The problem:
Print all entries below exactly as they appear.

Provided records:
>>

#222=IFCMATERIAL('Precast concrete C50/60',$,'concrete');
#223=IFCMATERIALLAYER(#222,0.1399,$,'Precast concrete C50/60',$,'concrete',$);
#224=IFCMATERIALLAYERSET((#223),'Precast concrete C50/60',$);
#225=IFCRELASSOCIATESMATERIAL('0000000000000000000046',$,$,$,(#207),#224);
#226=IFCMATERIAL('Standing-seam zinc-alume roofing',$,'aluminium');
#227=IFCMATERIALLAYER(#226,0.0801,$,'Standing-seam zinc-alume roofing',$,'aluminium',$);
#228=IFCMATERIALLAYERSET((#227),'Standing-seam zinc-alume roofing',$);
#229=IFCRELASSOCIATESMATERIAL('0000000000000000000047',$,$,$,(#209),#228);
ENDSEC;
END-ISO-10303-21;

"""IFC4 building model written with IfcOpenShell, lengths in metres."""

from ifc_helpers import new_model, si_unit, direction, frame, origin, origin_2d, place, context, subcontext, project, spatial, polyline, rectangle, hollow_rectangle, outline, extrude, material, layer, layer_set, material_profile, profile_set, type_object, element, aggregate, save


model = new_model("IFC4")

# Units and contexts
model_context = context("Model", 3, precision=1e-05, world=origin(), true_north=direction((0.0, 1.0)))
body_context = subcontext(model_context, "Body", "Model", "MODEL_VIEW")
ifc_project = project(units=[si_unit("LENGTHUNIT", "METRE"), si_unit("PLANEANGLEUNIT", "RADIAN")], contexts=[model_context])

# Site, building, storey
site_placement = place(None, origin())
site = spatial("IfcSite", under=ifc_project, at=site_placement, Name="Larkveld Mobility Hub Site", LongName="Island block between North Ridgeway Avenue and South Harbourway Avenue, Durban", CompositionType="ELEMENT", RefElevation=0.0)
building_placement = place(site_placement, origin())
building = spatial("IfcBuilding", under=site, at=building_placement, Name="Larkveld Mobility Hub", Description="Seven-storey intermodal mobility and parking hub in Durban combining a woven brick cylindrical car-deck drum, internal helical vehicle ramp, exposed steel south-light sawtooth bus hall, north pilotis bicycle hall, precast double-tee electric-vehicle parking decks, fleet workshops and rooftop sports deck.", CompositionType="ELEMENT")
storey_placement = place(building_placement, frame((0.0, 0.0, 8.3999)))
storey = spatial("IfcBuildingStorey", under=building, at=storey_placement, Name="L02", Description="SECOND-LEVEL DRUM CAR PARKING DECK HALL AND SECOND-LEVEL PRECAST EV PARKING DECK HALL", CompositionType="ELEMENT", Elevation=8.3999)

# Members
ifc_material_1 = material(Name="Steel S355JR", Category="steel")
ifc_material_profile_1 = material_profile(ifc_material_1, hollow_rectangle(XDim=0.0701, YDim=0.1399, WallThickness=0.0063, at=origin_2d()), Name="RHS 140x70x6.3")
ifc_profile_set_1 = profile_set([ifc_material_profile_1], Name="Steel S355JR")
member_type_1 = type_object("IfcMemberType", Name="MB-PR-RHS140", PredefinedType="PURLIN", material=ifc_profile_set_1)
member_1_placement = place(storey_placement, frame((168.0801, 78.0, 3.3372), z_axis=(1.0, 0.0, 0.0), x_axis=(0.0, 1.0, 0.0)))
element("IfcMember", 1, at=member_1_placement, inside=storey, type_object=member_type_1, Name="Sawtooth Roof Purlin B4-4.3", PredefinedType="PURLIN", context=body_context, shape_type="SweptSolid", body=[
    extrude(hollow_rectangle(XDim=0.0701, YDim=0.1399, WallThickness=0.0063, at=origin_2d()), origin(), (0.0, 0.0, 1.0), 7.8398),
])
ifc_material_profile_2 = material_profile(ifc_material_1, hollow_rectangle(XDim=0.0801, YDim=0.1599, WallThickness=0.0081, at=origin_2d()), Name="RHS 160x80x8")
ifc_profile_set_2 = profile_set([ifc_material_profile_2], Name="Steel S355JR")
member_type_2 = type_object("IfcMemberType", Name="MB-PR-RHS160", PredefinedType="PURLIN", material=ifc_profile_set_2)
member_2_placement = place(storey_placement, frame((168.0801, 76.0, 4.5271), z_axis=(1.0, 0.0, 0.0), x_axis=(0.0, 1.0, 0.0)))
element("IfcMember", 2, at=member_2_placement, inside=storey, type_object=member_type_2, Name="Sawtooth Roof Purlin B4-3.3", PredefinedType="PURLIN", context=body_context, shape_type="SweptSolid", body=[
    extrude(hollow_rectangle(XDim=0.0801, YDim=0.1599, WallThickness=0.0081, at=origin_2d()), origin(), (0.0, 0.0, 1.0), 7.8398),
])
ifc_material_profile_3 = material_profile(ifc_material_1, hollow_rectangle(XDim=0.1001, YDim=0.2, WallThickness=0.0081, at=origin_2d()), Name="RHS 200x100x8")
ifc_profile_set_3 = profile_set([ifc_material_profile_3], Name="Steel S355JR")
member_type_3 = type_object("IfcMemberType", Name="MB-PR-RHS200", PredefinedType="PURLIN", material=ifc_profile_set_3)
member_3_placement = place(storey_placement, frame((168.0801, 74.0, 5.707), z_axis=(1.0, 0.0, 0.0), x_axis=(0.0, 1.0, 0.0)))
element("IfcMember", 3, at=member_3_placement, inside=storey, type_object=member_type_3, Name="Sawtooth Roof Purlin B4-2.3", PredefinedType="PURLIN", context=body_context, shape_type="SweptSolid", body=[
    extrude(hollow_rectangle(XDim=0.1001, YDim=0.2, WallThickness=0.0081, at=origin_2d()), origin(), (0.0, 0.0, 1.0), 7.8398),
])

<<

Response:
#222=IFCMATERIAL('Precast concrete C50/60',$,'concrete');
#223=IFCMATERIALLAYER(#222,0.1399,$,'Precast concrete C50/60',$,'concrete',$);
#224=IFCMATERIALLAYERSET((#223),'Precast concrete C50/60',$);
#225=IFCRELASSOCIATESMATERIAL('0000000000000000000046',$,$,$,(#207),#224);
#226=IFCMATERIAL('Standing-seam zinc-alume roofing',$,'aluminium');
#227=IFCMATERIALLAYER(#226,0.0801,$,'Standing-seam zinc-alume roofing',$,'aluminium',$);
#228=IFCMATERIALLAYERSET((#227),'Standing-seam zinc-alume roofing',$);
#229=IFCRELASSOCIATESMATERIAL('0000000000000000000047',$,$,$,(#209),#228);
ENDSEC;
END-ISO-10303-21;

"""IFC4 building model written with IfcOpenShell, lengths in metres."""

from ifc_helpers import new_model, si_unit, direction, frame, origin, origin_2d, place, context, subcontext, project, spatial, polyline, rectangle, hollow_rectangle, outline, extrude, material, layer, layer_set, material_profile, profile_set, type_object, element, aggregate, save


model = new_model("IFC4")

# Units and contexts
model_context = context("Model", 3, precision=1e-05, world=origin(), true_north=direction((0.0, 1.0)))
body_context = subcontext(model_context, "Body", "Model", "MODEL_VIEW")
ifc_project = project(units=[si_unit("LENGTHUNIT", "METRE"), si_unit("PLANEANGLEUNIT", "RADIAN")], contexts=[model_context])

# Site, building, storey
site_placement = place(None, origin())
site = spatial("IfcSite", under=ifc_project, at=site_placement, Name="Larkveld Mobility Hub Site", LongName="Island block between North Ridgeway Avenue and South Harbourway Avenue, Durban", CompositionType="ELEMENT", RefElevation=0.0)
building_placement = place(site_placement, origin())
building = spatial("IfcBuilding", under=site, at=building_placement, Name="Larkveld Mobility Hub", Description="Seven-storey intermodal mobility and parking hub in Durban combining a woven brick cylindrical car-deck drum, internal helical vehicle ramp, exposed steel south-light sawtooth bus hall, north pilotis bicycle hall, precast double-tee electric-vehicle parking decks, fleet workshops and rooftop sports deck.", CompositionType="ELEMENT")
storey_placement = place(building_placement, frame((0.0, 0.0, 8.3999)))
storey = spatial("IfcBuildingStorey", under=building, at=storey_placement, Name="L02", Description="SECOND-LEVEL DRUM CAR PARKING DECK HALL AND SECOND-LEVEL PRECAST EV PARKING DECK HALL", CompositionType="ELEMENT", Elevation=8.3999)

# Members
ifc_material_1 = material(Name="Steel S355JR", Category="steel")
ifc_material_profile_1 = material_profile(ifc_material_1, hollow_rectangle(XDim=0.0701, YDim=0.1399, WallThickness=0.0063, at=origin_2d()), Name="RHS 140x70x6.3")
ifc_profile_set_1 = profile_set([ifc_material_profile_1], Name="Steel S355JR")
member_type_1 = type_object("IfcMemberType", Name="MB-PR-RHS140", PredefinedType="PURLIN", material=ifc_profile_set_1)
member_1_placement = place(storey_placement, frame((168.0801, 78.0, 3.3372), z_axis=(1.0, 0.0, 0.0), x_axis=(0.0, 1.0, 0.0)))
element("IfcMember", 1, at=member_1_placement, inside=storey, type_object=member_type_1, Name="Sawtooth Roof Purlin B4-4.3", PredefinedType="PURLIN", context=body_context, shape_type="SweptSolid", body=[
    extrude(hollow_rectangle(XDim=0.0701, YDim=0.1399, WallThickness=0.0063, at=origin_2d()), origin(), (0.0, 0.0, 1.0), 7.8398),
])
ifc_material_profile_2 = material_profile(ifc_material_1, hollow_rectangle(XDim=0.0801, YDim=0.1599, WallThickness=0.0081, at=origin_2d()), Name="RHS 160x80x8")
ifc_profile_set_2 = profile_set([ifc_material_profile_2], Name="Steel S355JR")
member_type_2 = type_object("IfcMemberType", Name="MB-PR-RHS160", PredefinedType="PURLIN", material=ifc_profile_set_2)
member_2_placement = place(storey_placement, frame((168.0801, 76.0, 4.5271), z_axis=(1.0, 0.0, 0.0), x_axis=(0.0, 1.0, 0.0)))
element("IfcMember", 2, at=member_2_placement, inside=storey, type_object=member_type_2, Name="Sawtooth Roof Purlin B4-3.3", PredefinedType="PURLIN", context=body_context, shape_type="SweptSolid", body=[
    extrude(hollow_rectangle(XDim=0.0801, YDim=0.1599, WallThickness=0.0081, at=origin_2d()), origin(), (0.0, 0.0, 1.0), 7.8398),
])
ifc_material_profile_3 = material_profile(ifc_material_1, hollow_rectangle(XDim=0.1001, YDim=0.2, WallThickness=0.0081, at=origin_2d()), Name="RHS 200x100x8")
ifc_profile_set_3 = profile_set([ifc_material_profile_3], Name="Steel S355JR")
member_type_3 = type_object("IfcMemberType", Name="MB-PR-RHS200", PredefinedType="PURLIN", material=ifc_profile_set_3)
member_3_placement = place(storey_placement, frame((168.0801, 74.0, 5.707), z_axis=(1.0, 0.0, 0.0), x_axis=(0.0, 1.0, 0.0)))
element("IfcMember", 3, at=member_3_placement, inside=storey, type_object=member_type_3, Name="Sawtooth Roof Purlin B4-2.3", PredefinedType="PURLIN", context=body_context, shape_type="SweptSolid", body=[
    extrude(hollow_rectangle(XDim=0.1001, YDim=0.2, WallThickness=0.0081, at=origin_2d()), origin(), (0.0, 0.0, 1.0), 7.8398),
])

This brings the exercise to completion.